* **Prompt**
Filter the entries for the word "subcontext". Copy each line that has it.

[Stored items]
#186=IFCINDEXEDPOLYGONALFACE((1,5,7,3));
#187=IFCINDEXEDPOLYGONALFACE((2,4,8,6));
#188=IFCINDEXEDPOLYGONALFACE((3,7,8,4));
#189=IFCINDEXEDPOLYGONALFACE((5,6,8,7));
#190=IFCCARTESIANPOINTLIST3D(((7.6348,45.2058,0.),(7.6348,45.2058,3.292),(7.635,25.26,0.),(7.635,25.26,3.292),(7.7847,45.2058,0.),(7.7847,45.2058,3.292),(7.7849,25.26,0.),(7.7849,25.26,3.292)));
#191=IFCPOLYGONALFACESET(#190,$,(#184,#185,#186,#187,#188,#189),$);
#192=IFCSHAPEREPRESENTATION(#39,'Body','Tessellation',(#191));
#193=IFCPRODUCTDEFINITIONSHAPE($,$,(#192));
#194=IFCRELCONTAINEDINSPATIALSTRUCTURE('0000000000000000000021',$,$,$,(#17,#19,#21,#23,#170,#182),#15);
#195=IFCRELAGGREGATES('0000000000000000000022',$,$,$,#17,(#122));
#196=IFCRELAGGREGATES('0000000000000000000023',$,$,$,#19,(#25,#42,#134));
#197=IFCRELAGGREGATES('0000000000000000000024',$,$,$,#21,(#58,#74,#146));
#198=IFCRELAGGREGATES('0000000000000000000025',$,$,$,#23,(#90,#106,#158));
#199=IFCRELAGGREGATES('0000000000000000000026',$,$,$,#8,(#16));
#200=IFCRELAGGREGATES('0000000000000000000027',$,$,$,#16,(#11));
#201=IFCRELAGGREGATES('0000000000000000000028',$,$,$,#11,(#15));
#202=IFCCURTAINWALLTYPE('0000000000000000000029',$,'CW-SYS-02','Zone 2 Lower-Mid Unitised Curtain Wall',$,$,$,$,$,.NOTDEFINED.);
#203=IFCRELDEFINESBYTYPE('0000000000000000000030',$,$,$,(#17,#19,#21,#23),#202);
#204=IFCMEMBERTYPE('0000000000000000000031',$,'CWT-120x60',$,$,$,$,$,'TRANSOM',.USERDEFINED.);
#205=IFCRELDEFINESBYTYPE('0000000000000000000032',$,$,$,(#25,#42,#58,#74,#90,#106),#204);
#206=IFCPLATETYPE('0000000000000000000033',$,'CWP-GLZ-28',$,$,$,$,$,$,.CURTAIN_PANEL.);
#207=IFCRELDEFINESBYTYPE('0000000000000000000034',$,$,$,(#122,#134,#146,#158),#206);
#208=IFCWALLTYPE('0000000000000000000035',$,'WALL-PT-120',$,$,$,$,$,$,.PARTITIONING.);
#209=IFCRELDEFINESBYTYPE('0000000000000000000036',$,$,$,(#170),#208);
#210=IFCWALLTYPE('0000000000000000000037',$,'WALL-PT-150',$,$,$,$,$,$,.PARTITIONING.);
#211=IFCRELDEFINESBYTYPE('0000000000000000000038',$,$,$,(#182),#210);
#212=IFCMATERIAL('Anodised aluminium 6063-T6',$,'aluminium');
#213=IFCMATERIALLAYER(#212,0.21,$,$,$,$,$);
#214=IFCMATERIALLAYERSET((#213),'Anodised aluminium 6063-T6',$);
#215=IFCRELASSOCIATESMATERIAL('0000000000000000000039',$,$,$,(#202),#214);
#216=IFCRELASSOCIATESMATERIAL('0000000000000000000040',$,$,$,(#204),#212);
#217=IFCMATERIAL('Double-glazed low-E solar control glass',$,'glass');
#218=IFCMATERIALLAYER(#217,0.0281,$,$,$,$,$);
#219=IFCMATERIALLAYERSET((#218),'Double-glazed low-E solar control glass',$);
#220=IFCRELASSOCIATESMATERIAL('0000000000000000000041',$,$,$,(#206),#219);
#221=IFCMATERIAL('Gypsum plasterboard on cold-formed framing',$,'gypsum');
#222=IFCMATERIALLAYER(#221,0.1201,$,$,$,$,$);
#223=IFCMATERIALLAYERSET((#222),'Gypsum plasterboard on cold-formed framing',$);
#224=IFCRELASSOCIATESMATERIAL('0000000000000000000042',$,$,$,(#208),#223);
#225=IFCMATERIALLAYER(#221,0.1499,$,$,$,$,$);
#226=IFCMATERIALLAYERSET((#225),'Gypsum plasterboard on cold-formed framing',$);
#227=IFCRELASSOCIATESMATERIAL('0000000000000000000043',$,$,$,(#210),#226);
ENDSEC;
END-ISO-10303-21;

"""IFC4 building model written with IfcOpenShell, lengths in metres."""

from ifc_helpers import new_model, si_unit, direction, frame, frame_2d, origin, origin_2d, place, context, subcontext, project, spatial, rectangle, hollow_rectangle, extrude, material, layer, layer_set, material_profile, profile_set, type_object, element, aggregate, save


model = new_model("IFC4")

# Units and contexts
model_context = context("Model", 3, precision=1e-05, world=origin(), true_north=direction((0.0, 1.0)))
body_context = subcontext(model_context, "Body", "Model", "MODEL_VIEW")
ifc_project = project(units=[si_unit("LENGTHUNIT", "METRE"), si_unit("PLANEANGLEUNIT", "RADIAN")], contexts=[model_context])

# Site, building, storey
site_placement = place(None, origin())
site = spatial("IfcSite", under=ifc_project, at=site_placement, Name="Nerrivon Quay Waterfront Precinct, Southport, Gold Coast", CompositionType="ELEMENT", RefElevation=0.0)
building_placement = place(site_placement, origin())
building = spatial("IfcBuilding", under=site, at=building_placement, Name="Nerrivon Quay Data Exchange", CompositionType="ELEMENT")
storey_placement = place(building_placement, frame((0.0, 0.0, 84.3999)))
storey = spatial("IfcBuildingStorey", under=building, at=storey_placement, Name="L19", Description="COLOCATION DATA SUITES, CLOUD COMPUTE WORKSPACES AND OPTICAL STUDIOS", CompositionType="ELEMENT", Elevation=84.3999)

* **Answer**
from ifc_helpers import new_model, si_unit, direction, frame, frame_2d, origin, origin_2d, place, context, subcontext, project, spatial, rectangle, hollow_rectangle, extrude, material, layer, layer_set, material_profile, profile_set, type_object, element, aggregate, save
body_context = subcontext(model_context, "Body", "Model", "MODEL_VIEW")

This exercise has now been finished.